(DATA PROVIDED Opens)

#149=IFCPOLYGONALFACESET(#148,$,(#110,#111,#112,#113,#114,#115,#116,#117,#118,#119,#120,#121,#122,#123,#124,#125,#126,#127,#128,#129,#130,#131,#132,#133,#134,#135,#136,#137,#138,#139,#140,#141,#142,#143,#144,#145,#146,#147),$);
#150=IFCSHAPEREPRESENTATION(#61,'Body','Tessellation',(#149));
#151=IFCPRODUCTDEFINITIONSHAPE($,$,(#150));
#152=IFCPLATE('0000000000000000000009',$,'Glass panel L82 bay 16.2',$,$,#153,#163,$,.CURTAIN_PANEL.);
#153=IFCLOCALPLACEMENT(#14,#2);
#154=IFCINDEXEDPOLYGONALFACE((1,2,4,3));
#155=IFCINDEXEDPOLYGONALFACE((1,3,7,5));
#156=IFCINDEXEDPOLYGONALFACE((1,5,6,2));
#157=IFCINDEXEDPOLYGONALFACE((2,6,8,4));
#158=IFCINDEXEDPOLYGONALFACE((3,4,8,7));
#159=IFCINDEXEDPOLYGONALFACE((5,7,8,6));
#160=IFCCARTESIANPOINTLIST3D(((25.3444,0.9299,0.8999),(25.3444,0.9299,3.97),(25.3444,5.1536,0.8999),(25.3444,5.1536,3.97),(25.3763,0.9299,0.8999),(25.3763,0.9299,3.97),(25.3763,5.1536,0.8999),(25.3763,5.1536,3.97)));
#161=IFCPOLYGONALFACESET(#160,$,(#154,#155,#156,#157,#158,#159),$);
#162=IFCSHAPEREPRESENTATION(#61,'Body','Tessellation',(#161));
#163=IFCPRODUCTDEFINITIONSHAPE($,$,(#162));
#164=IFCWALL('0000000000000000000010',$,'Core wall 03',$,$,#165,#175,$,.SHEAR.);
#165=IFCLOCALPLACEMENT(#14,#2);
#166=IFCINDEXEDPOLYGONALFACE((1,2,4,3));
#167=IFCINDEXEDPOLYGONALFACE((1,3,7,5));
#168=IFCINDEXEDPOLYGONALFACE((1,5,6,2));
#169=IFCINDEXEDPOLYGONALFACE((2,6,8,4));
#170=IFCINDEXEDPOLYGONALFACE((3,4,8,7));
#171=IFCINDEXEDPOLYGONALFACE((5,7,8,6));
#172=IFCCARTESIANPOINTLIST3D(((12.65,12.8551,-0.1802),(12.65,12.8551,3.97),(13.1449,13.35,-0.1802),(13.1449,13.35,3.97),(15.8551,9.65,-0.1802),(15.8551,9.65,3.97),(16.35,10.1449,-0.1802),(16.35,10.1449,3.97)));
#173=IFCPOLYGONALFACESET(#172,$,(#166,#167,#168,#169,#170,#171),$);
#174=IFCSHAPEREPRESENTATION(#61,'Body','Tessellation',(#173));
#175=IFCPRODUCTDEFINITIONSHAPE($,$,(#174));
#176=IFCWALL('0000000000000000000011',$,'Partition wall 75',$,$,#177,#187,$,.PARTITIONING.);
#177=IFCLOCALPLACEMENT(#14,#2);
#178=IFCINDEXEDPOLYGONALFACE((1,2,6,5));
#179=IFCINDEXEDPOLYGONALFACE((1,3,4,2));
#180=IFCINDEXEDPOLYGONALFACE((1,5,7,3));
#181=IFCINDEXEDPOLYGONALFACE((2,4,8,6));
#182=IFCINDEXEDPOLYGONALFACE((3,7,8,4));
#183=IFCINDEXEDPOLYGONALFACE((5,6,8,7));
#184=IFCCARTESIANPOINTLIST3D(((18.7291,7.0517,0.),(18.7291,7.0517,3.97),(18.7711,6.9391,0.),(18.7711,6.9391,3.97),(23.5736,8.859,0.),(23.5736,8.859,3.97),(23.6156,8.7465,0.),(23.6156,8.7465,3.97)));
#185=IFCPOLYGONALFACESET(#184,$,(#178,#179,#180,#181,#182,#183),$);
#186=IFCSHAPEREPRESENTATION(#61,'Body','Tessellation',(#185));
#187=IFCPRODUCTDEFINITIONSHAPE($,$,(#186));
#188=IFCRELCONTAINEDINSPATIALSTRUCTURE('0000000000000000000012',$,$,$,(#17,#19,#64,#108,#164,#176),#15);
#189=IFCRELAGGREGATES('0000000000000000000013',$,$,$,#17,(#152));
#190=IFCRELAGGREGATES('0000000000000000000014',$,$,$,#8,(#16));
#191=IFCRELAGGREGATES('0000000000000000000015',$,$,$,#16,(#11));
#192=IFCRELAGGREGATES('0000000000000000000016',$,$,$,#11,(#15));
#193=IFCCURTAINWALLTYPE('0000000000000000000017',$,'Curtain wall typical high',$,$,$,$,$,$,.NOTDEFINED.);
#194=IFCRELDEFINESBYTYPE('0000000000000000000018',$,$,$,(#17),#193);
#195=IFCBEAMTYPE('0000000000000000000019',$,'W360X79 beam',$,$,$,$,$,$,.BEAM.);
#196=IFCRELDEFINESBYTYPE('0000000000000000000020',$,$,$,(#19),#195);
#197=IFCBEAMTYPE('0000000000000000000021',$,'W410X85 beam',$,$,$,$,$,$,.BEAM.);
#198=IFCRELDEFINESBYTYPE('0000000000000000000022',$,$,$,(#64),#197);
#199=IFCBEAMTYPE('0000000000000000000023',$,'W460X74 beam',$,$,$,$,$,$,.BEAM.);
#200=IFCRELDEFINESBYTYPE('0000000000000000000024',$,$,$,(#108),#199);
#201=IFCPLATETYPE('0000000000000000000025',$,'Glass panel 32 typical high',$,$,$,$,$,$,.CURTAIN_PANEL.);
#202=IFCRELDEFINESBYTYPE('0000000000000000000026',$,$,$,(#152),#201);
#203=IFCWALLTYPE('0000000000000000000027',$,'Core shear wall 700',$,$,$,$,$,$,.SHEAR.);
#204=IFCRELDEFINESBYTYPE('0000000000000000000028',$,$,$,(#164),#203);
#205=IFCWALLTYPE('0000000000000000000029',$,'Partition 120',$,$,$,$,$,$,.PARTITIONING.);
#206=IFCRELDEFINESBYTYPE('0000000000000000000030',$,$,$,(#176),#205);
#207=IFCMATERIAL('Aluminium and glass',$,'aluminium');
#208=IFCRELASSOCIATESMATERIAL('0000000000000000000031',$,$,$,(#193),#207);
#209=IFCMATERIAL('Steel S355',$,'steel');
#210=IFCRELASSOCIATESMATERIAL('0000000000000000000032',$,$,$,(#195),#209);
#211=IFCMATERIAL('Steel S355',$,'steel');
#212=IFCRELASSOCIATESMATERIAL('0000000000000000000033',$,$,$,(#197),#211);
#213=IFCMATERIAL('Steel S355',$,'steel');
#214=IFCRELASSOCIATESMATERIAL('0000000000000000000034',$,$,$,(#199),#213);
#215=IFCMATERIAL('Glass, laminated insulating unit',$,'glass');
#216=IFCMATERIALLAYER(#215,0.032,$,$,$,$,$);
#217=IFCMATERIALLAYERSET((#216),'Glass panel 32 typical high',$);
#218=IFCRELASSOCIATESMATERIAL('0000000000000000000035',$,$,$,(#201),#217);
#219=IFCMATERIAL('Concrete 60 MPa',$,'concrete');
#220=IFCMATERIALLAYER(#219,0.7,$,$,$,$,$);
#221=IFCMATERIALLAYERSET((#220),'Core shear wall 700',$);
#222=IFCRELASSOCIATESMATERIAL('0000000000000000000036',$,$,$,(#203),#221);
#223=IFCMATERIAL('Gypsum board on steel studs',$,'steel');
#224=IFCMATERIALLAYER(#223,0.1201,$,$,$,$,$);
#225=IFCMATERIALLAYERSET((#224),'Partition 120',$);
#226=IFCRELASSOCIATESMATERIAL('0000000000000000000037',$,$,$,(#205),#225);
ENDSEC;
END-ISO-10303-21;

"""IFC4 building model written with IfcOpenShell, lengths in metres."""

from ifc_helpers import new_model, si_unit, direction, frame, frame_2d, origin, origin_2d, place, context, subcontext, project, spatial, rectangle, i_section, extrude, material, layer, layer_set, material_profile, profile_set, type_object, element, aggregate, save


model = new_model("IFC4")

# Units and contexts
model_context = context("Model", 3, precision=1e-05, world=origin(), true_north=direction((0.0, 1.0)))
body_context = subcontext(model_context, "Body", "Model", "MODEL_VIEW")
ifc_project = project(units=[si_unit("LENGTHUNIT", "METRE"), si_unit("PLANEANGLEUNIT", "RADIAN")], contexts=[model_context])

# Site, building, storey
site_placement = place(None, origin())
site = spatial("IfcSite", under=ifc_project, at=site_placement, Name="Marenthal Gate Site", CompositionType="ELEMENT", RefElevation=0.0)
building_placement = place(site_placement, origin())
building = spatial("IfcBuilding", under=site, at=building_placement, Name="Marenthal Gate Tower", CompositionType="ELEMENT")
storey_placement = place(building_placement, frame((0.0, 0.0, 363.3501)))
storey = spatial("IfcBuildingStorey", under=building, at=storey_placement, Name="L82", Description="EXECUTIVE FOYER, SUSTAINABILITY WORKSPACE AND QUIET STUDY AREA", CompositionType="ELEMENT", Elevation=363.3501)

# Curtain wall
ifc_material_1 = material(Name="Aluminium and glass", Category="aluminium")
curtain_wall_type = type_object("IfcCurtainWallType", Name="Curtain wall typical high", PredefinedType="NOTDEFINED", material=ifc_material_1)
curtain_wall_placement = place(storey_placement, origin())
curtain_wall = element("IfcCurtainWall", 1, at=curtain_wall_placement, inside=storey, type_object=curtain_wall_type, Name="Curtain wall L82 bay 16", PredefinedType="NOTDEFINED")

(DATA PROVIDED Closes)

YOUR OBJECTIVE: Show all of the lines above in which "direction" is present.

ANSWER TO THIS PROBLEM:
from ifc_helpers import new_model, si_unit, direction, frame, frame_2d, origin, origin_2d, place, context, subcontext, project, spatial, rectangle, i_section, extrude, material, layer, layer_set, material_profile, profile_set, type_object, element, aggregate, save
model_context = context("Model", 3, precision=1e-05, world=origin(), true_north=direction((0.0, 1.0)))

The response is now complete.